Collected data entries
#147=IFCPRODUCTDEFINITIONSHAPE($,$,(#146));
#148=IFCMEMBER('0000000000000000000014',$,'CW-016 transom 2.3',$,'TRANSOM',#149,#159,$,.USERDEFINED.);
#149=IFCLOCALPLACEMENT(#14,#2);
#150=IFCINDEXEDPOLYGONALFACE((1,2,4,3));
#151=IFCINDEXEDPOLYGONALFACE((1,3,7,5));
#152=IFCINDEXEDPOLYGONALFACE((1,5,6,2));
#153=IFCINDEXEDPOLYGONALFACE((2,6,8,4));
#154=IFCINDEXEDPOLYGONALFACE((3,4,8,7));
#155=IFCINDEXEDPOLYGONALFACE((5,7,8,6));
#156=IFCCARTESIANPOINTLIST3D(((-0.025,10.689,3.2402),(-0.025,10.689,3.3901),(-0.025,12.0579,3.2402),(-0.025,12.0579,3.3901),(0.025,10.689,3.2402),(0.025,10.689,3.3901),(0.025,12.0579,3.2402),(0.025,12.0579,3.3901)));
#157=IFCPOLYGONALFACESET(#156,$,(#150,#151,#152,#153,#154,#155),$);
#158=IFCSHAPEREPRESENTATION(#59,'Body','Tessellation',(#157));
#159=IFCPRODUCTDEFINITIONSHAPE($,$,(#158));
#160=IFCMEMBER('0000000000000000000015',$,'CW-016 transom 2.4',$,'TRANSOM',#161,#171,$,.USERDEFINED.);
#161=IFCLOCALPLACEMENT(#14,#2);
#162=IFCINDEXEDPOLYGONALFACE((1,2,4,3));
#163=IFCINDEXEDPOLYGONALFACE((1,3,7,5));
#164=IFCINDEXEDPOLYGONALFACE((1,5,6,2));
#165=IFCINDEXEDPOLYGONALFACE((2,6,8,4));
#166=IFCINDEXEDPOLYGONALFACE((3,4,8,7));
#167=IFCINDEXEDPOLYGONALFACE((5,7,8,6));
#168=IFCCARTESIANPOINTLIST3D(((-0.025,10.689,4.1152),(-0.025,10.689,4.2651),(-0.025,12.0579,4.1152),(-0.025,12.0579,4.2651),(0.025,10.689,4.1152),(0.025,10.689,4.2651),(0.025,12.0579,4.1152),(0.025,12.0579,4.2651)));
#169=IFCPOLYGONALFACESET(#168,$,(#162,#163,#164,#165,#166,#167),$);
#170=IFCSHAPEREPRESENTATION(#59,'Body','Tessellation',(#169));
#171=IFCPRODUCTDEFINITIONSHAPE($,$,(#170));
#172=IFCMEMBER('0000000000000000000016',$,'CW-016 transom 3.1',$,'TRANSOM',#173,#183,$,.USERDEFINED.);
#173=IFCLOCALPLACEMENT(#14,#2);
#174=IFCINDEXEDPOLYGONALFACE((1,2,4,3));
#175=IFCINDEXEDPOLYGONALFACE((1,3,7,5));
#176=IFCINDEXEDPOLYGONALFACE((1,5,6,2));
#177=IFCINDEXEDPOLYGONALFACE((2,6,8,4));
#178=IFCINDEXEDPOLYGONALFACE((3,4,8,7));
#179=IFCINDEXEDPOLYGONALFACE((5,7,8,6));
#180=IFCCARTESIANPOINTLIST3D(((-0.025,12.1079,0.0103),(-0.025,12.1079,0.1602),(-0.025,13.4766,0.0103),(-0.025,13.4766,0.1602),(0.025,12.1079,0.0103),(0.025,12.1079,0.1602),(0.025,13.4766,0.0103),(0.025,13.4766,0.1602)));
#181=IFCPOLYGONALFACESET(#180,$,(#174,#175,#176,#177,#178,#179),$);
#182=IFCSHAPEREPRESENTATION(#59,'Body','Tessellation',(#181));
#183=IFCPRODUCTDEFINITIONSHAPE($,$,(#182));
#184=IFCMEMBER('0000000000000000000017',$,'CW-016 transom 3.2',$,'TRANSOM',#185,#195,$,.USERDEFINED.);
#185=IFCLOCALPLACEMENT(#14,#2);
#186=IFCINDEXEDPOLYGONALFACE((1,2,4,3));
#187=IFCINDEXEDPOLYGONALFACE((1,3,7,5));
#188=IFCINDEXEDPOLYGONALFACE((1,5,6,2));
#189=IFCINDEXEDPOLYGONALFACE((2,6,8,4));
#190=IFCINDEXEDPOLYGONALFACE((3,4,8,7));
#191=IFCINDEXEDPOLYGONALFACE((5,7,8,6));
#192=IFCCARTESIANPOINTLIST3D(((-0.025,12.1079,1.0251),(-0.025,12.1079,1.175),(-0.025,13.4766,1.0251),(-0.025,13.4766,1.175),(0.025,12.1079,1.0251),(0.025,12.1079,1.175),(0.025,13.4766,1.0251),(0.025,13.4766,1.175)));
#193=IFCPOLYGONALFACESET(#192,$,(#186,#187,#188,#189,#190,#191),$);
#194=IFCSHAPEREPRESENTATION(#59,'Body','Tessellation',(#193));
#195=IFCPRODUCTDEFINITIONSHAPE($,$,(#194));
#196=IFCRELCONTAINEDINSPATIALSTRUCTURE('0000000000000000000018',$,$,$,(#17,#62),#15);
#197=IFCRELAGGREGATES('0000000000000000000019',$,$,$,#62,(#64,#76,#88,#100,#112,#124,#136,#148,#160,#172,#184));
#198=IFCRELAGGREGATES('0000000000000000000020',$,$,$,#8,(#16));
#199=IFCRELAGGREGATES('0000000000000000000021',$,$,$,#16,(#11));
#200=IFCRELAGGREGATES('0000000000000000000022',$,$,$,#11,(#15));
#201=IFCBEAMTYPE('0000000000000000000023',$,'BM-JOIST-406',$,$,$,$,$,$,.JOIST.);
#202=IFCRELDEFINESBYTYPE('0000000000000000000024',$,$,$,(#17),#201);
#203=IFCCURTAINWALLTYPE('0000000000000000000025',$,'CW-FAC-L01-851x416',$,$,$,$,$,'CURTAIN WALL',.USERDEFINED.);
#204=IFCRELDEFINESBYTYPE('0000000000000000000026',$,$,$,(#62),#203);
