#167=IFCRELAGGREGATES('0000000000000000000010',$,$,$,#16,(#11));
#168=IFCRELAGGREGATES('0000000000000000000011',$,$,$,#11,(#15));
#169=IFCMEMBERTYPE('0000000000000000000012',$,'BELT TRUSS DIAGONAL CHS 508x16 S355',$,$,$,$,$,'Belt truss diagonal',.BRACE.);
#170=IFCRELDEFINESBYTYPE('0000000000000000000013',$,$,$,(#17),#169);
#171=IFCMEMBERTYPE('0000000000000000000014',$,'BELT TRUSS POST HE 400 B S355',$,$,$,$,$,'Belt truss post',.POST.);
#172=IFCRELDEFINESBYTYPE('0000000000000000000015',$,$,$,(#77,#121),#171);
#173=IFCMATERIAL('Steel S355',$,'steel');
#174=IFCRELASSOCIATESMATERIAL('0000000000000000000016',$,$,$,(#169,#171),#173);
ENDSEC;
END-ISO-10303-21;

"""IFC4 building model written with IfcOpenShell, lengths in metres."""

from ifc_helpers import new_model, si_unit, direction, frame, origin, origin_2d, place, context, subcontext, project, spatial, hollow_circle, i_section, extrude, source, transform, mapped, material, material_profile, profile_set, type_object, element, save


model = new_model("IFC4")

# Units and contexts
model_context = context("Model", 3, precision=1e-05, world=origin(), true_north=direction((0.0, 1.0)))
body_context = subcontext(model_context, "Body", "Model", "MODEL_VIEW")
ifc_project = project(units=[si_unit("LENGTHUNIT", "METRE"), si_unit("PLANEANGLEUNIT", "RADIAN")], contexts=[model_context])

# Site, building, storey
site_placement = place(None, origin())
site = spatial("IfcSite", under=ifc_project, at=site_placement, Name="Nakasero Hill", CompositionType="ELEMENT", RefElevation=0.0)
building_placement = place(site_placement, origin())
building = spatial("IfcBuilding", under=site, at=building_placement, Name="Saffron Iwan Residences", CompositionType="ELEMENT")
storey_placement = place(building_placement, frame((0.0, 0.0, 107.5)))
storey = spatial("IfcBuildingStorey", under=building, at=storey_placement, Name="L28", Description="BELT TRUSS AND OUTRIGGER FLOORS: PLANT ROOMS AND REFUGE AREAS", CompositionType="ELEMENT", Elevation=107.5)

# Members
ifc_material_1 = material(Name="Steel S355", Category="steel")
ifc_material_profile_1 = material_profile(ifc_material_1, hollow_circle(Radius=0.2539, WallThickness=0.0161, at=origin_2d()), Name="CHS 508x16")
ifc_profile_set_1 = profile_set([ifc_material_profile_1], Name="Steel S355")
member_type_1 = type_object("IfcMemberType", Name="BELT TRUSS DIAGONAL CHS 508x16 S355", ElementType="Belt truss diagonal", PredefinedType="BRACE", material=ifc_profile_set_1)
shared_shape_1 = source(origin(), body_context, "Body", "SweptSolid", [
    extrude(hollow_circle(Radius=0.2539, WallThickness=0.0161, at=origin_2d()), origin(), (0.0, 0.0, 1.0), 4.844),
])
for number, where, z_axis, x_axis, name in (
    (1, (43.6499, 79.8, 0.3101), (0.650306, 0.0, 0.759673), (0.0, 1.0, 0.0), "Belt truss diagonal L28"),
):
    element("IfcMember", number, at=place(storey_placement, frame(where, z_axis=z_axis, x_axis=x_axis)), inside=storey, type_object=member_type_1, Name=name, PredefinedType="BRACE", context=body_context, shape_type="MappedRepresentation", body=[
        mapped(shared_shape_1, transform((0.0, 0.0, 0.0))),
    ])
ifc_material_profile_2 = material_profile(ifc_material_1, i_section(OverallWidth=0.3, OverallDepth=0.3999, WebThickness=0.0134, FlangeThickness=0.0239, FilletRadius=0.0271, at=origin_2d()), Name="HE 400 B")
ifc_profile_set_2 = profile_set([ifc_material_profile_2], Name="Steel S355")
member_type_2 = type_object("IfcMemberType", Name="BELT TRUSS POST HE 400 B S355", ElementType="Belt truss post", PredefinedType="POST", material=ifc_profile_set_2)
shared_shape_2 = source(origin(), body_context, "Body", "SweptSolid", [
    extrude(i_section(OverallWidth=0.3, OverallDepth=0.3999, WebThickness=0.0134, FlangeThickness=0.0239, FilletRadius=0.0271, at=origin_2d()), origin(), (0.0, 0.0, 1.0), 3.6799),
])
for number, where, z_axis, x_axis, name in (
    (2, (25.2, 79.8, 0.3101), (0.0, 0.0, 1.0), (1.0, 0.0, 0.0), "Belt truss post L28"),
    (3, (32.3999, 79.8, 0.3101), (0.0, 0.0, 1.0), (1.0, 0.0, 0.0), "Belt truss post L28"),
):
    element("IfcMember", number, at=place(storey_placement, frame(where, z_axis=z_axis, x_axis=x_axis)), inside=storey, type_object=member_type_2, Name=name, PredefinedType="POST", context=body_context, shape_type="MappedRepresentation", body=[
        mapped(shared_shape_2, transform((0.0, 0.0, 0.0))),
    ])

What to do »
Which lines above include the string "Tessellation"? Show them.

Response to the task »
#158=IFCSHAPEREPRESENTATION(#59,'Body','Tessellation',(#157));
#170=IFCSHAPEREPRESENTATION(#59,'Body','Tessellation',(#169));
#182=IFCSHAPEREPRESENTATION(#59,'Body','Tessellation',(#181));
#194=IFCSHAPEREPRESENTATION(#59,'Body','Tessellation',(#193));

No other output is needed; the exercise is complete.